--- Extracted entries ---

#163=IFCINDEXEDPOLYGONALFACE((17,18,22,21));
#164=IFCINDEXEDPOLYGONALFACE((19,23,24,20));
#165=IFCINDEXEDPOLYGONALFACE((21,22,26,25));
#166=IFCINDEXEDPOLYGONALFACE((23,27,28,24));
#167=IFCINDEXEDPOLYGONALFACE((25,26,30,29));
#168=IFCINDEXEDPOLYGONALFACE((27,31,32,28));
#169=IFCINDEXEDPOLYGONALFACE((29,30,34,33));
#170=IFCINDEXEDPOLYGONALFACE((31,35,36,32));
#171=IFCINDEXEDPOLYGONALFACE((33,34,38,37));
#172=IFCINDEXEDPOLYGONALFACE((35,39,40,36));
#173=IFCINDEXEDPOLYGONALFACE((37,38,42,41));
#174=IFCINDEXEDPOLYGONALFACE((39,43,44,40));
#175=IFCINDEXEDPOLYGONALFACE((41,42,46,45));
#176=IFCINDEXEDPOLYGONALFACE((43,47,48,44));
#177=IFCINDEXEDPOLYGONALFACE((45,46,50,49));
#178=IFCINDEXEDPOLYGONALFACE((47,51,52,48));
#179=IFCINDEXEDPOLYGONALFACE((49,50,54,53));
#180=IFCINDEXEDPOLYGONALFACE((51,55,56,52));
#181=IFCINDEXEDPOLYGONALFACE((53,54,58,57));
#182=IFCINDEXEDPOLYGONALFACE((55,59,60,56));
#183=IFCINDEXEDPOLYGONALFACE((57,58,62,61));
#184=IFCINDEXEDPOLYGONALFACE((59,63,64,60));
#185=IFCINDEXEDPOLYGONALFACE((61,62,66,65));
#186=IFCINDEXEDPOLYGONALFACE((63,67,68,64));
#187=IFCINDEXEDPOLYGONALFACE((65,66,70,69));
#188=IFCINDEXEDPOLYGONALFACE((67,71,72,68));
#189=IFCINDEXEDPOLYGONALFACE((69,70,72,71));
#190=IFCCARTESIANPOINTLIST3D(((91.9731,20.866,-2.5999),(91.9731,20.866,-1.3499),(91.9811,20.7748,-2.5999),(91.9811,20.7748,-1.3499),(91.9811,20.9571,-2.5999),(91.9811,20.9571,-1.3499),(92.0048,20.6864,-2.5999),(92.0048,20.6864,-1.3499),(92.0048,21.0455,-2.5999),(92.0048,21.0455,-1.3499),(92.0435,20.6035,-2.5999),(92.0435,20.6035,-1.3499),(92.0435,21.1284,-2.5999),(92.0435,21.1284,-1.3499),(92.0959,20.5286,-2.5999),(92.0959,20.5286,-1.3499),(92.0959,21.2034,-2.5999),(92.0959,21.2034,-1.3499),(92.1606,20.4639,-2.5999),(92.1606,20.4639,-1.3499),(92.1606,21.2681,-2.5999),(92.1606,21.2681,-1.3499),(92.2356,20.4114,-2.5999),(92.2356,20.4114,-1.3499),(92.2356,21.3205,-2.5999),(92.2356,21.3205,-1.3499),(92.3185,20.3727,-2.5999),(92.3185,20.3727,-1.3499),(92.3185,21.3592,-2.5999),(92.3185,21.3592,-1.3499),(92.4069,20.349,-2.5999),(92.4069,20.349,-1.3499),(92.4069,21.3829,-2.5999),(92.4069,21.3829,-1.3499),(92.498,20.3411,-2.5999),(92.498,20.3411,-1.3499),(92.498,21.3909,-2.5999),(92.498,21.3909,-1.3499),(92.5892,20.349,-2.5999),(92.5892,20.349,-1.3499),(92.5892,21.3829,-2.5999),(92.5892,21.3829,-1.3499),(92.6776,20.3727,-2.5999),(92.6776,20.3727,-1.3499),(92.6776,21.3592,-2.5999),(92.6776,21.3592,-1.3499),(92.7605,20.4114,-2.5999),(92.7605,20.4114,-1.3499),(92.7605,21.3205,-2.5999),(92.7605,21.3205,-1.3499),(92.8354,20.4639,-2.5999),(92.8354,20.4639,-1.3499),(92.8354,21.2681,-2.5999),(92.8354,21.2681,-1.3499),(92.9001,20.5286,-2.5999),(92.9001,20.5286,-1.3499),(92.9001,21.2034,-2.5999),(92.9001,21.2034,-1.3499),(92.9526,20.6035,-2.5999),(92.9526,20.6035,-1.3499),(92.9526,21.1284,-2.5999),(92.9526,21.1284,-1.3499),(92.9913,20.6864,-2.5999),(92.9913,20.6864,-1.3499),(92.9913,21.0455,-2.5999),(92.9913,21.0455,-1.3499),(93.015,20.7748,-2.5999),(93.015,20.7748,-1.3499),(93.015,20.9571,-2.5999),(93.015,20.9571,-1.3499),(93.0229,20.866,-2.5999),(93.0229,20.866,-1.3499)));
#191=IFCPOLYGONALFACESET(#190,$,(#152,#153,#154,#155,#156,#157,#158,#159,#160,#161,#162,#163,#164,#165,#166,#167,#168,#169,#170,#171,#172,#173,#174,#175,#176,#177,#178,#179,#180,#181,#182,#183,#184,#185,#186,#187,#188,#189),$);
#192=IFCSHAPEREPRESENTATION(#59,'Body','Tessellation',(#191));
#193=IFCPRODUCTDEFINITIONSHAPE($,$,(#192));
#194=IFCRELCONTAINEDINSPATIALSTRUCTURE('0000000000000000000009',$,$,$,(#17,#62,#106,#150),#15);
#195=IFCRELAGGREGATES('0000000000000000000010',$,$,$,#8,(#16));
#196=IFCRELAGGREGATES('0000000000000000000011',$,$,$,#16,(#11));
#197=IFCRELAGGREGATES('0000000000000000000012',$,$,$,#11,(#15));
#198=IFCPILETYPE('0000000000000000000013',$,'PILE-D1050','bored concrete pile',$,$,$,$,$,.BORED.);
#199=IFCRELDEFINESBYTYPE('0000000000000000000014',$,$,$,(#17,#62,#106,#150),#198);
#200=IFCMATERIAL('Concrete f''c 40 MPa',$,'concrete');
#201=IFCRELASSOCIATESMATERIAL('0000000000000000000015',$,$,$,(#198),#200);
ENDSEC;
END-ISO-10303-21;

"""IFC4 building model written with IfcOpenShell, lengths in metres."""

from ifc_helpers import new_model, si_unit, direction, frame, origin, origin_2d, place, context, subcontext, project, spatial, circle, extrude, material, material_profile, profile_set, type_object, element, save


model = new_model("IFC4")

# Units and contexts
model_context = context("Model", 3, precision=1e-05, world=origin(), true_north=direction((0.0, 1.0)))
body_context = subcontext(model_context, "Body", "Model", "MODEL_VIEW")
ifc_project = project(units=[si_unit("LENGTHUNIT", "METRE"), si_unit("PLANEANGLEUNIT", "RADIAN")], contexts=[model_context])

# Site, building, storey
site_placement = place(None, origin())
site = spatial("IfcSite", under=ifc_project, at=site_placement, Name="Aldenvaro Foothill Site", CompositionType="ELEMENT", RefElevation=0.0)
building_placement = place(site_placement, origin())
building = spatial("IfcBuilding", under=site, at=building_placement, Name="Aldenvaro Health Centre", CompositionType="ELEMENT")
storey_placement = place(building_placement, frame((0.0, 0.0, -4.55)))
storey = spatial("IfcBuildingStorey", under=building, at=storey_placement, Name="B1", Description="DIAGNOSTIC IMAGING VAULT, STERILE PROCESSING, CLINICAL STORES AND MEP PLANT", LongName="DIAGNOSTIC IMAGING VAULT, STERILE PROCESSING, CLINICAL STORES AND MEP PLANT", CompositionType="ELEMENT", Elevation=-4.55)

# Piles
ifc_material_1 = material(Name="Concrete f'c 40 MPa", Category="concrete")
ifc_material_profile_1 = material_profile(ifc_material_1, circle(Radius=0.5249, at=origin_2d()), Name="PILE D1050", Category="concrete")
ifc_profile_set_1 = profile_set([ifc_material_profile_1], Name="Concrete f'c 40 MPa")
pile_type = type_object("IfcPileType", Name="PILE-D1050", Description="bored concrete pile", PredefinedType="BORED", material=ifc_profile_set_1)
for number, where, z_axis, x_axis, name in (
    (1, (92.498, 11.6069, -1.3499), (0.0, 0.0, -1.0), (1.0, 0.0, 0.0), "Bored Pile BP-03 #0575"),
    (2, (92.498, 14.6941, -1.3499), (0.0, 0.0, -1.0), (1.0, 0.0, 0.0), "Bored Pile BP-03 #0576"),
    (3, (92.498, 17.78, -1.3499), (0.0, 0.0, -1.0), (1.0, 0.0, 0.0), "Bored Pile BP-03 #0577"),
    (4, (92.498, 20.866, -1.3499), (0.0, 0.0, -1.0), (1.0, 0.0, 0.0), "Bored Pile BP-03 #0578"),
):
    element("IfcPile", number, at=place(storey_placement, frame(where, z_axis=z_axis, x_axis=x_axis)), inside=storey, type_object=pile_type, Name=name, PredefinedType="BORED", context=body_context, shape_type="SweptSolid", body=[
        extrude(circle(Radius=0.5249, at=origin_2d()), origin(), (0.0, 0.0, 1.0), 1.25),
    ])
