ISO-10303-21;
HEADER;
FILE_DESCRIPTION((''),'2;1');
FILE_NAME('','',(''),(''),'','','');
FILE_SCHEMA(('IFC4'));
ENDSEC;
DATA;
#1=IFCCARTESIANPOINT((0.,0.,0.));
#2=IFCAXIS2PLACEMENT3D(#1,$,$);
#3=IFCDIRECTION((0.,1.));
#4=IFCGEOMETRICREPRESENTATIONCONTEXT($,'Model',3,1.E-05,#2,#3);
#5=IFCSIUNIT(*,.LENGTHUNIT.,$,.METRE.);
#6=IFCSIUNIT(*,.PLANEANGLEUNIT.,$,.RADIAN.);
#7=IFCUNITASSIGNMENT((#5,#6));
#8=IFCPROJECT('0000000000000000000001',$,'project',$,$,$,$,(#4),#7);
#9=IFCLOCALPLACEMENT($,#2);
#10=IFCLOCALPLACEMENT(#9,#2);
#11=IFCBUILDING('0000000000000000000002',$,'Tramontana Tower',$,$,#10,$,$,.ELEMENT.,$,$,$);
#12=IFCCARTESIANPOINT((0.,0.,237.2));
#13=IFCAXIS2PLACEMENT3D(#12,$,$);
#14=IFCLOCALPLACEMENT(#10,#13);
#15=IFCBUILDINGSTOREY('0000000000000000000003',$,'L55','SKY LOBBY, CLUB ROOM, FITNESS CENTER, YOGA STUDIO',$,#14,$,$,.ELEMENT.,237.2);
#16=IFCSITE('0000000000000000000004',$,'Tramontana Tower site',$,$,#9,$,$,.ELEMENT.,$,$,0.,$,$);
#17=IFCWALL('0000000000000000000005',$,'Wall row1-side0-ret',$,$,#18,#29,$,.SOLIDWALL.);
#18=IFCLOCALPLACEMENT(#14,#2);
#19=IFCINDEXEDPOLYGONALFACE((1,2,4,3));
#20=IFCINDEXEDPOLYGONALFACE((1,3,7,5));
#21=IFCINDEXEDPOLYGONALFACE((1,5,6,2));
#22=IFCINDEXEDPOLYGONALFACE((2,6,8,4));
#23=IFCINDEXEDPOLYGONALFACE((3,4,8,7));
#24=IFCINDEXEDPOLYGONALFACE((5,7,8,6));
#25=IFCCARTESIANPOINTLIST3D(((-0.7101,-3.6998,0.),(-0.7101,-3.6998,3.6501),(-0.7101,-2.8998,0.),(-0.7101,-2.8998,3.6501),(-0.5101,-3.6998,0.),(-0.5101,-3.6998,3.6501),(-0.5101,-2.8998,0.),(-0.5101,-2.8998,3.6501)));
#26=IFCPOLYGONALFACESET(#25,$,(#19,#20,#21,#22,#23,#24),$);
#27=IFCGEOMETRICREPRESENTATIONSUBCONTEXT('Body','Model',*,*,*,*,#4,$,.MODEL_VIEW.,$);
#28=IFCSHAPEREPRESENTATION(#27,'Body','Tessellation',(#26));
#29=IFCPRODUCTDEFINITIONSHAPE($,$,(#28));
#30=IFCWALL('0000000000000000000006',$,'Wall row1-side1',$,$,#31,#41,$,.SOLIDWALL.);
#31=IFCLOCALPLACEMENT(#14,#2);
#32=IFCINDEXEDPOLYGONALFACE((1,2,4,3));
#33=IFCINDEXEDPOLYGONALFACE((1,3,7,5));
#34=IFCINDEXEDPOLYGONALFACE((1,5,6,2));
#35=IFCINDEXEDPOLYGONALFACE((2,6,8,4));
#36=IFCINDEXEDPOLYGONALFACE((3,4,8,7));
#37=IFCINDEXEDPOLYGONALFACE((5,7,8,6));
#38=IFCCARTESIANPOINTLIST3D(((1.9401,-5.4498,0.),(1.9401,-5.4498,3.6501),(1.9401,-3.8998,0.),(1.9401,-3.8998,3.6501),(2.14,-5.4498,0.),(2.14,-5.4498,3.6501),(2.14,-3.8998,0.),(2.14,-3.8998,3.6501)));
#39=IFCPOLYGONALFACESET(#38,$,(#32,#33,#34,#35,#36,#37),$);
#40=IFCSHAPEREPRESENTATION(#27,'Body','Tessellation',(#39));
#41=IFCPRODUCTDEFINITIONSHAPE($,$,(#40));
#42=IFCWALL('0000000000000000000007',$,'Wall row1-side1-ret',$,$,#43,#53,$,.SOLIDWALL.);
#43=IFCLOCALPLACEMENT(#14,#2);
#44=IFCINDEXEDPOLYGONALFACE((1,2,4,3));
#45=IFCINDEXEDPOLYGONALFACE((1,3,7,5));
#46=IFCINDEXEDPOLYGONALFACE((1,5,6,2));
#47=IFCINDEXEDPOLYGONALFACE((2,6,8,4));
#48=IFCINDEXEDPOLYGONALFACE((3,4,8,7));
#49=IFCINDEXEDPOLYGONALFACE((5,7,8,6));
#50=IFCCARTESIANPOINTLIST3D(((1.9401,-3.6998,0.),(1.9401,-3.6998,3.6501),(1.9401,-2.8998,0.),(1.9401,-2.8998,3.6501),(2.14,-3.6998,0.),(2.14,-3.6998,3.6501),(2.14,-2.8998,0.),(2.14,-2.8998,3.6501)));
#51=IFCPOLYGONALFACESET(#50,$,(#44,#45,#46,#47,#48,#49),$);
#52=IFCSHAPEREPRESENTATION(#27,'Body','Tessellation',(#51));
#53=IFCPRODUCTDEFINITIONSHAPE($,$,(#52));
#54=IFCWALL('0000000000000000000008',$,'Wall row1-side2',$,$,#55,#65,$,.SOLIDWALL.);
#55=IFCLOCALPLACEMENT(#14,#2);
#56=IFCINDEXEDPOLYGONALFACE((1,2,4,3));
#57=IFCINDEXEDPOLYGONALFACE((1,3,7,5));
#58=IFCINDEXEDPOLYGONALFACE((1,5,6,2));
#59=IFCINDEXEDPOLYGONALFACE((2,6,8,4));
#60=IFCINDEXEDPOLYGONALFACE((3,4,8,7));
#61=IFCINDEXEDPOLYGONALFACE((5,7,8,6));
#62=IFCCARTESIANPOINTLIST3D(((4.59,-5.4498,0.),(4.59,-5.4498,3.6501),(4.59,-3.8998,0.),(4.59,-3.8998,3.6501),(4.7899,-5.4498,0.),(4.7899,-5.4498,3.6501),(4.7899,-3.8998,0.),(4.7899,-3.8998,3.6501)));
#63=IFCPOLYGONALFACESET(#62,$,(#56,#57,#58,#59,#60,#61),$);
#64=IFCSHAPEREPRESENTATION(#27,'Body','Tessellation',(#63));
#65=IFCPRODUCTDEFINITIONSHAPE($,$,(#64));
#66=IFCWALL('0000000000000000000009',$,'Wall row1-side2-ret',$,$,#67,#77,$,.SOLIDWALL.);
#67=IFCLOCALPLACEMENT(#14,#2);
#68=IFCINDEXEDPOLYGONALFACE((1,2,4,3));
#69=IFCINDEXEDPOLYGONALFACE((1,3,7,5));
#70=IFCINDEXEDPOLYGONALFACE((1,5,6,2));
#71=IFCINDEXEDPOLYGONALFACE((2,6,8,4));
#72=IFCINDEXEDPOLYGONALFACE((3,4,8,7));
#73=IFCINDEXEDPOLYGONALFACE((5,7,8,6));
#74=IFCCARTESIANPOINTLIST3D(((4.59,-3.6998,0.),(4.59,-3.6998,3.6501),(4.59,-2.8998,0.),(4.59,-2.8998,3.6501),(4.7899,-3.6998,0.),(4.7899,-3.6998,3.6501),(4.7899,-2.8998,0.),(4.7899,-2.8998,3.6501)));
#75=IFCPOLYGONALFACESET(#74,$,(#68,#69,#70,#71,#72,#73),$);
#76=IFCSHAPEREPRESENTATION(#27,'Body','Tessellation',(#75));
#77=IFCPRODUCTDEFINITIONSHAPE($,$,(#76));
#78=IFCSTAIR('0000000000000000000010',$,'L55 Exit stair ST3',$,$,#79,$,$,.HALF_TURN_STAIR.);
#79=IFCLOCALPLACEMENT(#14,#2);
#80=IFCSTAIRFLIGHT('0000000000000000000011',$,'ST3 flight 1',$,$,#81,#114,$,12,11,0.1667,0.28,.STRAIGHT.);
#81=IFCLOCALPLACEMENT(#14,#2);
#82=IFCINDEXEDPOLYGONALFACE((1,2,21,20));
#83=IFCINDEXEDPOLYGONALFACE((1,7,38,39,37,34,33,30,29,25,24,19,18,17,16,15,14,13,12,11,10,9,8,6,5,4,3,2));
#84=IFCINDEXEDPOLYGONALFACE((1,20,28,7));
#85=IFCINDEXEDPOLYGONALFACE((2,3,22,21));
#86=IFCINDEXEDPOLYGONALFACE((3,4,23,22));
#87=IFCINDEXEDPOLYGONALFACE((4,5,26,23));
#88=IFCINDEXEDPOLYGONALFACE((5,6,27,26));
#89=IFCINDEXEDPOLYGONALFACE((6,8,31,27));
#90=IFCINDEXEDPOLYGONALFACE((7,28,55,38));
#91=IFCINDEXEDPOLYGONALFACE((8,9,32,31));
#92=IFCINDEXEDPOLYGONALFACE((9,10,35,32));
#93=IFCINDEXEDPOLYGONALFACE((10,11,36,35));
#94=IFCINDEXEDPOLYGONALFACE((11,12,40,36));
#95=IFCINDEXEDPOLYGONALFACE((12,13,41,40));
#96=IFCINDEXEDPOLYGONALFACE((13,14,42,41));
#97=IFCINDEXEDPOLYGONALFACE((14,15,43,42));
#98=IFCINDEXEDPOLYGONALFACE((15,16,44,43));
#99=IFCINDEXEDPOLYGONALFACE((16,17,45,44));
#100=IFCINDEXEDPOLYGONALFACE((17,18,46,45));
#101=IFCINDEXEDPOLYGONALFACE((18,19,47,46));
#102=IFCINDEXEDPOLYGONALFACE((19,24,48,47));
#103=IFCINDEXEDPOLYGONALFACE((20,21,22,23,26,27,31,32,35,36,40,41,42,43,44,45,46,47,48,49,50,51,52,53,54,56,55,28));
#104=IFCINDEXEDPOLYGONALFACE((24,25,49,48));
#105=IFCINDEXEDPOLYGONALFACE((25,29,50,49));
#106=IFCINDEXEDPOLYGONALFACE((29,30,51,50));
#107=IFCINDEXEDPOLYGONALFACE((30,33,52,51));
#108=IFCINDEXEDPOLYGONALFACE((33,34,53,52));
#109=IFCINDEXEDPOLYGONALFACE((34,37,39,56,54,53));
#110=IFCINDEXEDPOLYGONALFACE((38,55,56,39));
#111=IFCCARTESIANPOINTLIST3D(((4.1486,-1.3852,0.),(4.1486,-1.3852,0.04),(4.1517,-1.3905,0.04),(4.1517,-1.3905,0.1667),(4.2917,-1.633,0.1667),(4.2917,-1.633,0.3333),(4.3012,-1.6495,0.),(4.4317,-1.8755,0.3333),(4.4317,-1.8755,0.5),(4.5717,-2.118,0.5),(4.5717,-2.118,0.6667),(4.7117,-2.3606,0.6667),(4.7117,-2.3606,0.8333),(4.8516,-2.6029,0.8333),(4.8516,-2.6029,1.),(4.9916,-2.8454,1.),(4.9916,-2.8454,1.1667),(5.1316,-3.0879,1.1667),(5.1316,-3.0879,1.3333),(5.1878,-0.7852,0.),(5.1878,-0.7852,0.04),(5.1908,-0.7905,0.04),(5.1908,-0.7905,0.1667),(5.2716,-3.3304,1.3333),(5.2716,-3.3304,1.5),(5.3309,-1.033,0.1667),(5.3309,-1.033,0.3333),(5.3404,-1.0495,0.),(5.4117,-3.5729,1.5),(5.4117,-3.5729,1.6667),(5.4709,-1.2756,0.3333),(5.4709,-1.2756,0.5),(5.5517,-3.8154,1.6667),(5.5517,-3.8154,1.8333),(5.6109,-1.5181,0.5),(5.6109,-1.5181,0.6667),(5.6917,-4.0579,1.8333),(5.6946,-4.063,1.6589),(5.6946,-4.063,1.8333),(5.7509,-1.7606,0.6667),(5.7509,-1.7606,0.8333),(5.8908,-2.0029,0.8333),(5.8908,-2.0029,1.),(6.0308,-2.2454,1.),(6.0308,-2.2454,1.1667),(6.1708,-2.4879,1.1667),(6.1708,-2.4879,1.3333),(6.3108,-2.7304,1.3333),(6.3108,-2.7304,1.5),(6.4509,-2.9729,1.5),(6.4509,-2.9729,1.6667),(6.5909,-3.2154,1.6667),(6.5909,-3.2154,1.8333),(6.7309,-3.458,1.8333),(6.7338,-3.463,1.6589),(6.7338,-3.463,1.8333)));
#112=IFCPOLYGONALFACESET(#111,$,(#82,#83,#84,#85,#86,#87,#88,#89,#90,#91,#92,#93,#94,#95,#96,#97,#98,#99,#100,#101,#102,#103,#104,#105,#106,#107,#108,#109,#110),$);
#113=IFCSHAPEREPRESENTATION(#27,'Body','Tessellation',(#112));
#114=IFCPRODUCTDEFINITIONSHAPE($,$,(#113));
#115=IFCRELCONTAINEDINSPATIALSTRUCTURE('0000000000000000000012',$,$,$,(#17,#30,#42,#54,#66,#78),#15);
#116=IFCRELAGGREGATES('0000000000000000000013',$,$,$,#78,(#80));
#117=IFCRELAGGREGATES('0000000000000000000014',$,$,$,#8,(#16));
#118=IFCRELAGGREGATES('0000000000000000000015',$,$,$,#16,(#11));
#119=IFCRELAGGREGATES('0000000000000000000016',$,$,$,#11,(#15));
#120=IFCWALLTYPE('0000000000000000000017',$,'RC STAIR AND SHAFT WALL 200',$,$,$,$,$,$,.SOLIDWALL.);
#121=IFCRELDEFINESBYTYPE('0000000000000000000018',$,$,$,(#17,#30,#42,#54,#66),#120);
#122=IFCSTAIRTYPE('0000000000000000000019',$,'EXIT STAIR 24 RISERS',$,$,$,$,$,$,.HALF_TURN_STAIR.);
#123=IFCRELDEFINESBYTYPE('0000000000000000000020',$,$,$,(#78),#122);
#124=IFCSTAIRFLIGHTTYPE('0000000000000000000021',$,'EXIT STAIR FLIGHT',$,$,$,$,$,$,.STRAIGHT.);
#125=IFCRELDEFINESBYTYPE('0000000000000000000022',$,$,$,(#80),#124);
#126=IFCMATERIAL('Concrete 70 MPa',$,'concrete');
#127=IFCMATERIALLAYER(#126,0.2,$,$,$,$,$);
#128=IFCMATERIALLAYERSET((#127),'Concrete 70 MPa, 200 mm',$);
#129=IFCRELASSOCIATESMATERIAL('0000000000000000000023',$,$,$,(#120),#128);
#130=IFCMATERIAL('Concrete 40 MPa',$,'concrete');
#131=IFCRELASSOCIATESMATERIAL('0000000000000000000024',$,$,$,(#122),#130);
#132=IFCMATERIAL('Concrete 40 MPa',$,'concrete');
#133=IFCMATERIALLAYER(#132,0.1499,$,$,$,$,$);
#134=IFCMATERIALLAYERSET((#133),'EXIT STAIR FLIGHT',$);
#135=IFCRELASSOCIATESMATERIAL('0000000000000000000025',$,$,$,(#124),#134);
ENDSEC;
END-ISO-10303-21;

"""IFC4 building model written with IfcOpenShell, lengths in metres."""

from ifc_helpers import new_model, si_unit, direction, frame, frame_2d, origin, place, context, subcontext, project, spatial, polyline, rectangle, outline, extrude, material, layer, layer_set, type_object, element, aggregate, save


model = new_model("IFC4")

# Units and contexts
model_context = context("Model", 3, precision=1e-05, world=origin(), true_north=direction((0.0, 1.0)))
body_context = subcontext(model_context, "Body", "Model", "MODEL_VIEW")
ifc_project = project(units=[si_unit("LENGTHUNIT", "METRE"), si_unit("PLANEANGLEUNIT", "RADIAN")], contexts=[model_context])

# Site, building, storey
site_placement = place(None, origin())
site = spatial("IfcSite", under=ifc_project, at=site_placement, Name="Tramontana Tower site", CompositionType="ELEMENT", RefElevation=0.0)
building_placement = place(site_placement, origin())
building = spatial("IfcBuilding", under=site, at=building_placement, Name="Tramontana Tower", CompositionType="ELEMENT")
storey_placement = place(building_placement, frame((0.0, 0.0, 237.2)))
storey = spatial("IfcBuildingStorey", under=building, at=storey_placement, Name="L55", Description="SKY LOBBY, CLUB ROOM, FITNESS CENTER, YOGA STUDIO", CompositionType="ELEMENT", Elevation=237.2)

# Shared definitions
ifc_material_1 = material(Name="Concrete 70 MPa", Category="concrete")
ifc_layer_1 = layer(ifc_material_1, 0.2)
ifc_layer_set_1 = layer_set([ifc_layer_1], Name="Concrete 70 MPa, 200 mm")
wall_type_1 = type_object("IfcWallType", Name="RC STAIR AND SHAFT WALL 200", PredefinedType="SOLIDWALL", material=ifc_layer_set_1)

# Walls
wall_1_placement = place(storey_placement, frame((-0.6101, -2.8999, 0.0), z_axis=(0.0, 0.0, 1.0), x_axis=(0.0, -1.0, 0.0)))
element("IfcWall", 1, at=wall_1_placement, inside=storey, type_object=wall_type_1, Name="Wall row1-side0-ret", PredefinedType="SOLIDWALL", context=body_context, shape_type="SweptSolid", body=[
    extrude(rectangle(XDim=0.8, YDim=0.2, at=frame_2d((0.3999, 0.0))), origin(), (0.0, 0.0, 1.0), 3.6501),
])
wall_2_placement = place(storey_placement, frame((2.04, -3.8999, 0.0), z_axis=(0.0, 0.0, 1.0), x_axis=(0.0, -1.0, 0.0)))
element("IfcWall", 2, at=wall_2_placement, inside=storey, type_object=wall_type_1, Name="Wall row1-side1", PredefinedType="SOLIDWALL", context=body_context, shape_type="SweptSolid", body=[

---

# The problem
Give only the lines from the one holding "#70=IFCINDEXEDPOLYGONALFACE((1,5,6,2));" through the one holding "#107=IFCINDEXEDPOLYGONALFACE((30,33,52,51));", each restated exactly as it appears above.

# Answer space
#70=IFCINDEXEDPOLYGONALFACE((1,5,6,2));
#71=IFCINDEXEDPOLYGONALFACE((2,6,8,4));
#72=IFCINDEXEDPOLYGONALFACE((3,4,8,7));
#73=IFCINDEXEDPOLYGONALFACE((5,7,8,6));
#74=IFCCARTESIANPOINTLIST3D(((4.59,-3.6998,0.),(4.59,-3.6998,3.6501),(4.59,-2.8998,0.),(4.59,-2.8998,3.6501),(4.7899,-3.6998,0.),(4.7899,-3.6998,3.6501),(4.7899,-2.8998,0.),(4.7899,-2.8998,3.6501)));
#75=IFCPOLYGONALFACESET(#74,$,(#68,#69,#70,#71,#72,#73),$);
#76=IFCSHAPEREPRESENTATION(#27,'Body','Tessellation',(#75));
#77=IFCPRODUCTDEFINITIONSHAPE($,$,(#76));
#78=IFCSTAIR('0000000000000000000010',$,'L55 Exit stair ST3',$,$,#79,$,$,.HALF_TURN_STAIR.);
#79=IFCLOCALPLACEMENT(#14,#2);
#80=IFCSTAIRFLIGHT('0000000000000000000011',$,'ST3 flight 1',$,$,#81,#114,$,12,11,0.1667,0.28,.STRAIGHT.);
#81=IFCLOCALPLACEMENT(#14,#2);
#82=IFCINDEXEDPOLYGONALFACE((1,2,21,20));
#83=IFCINDEXEDPOLYGONALFACE((1,7,38,39,37,34,33,30,29,25,24,19,18,17,16,15,14,13,12,11,10,9,8,6,5,4,3,2));
#84=IFCINDEXEDPOLYGONALFACE((1,20,28,7));
#85=IFCINDEXEDPOLYGONALFACE((2,3,22,21));
#86=IFCINDEXEDPOLYGONALFACE((3,4,23,22));
#87=IFCINDEXEDPOLYGONALFACE((4,5,26,23));
#88=IFCINDEXEDPOLYGONALFACE((5,6,27,26));
#89=IFCINDEXEDPOLYGONALFACE((6,8,31,27));
#90=IFCINDEXEDPOLYGONALFACE((7,28,55,38));
#91=IFCINDEXEDPOLYGONALFACE((8,9,32,31));
#92=IFCINDEXEDPOLYGONALFACE((9,10,35,32));
#93=IFCINDEXEDPOLYGONALFACE((10,11,36,35));
#94=IFCINDEXEDPOLYGONALFACE((11,12,40,36));
#95=IFCINDEXEDPOLYGONALFACE((12,13,41,40));
#96=IFCINDEXEDPOLYGONALFACE((13,14,42,41));
#97=IFCINDEXEDPOLYGONALFACE((14,15,43,42));
#98=IFCINDEXEDPOLYGONALFACE((15,16,44,43));
#99=IFCINDEXEDPOLYGONALFACE((16,17,45,44));
#100=IFCINDEXEDPOLYGONALFACE((17,18,46,45));
#101=IFCINDEXEDPOLYGONALFACE((18,19,47,46));
#102=IFCINDEXEDPOLYGONALFACE((19,24,48,47));
#103=IFCINDEXEDPOLYGONALFACE((20,21,22,23,26,27,31,32,35,36,40,41,42,43,44,45,46,47,48,49,50,51,52,53,54,56,55,28));
#104=IFCINDEXEDPOLYGONALFACE((24,25,49,48));
#105=IFCINDEXEDPOLYGONALFACE((25,29,50,49));
#106=IFCINDEXEDPOLYGONALFACE((29,30,51,50));
#107=IFCINDEXEDPOLYGONALFACE((30,33,52,51));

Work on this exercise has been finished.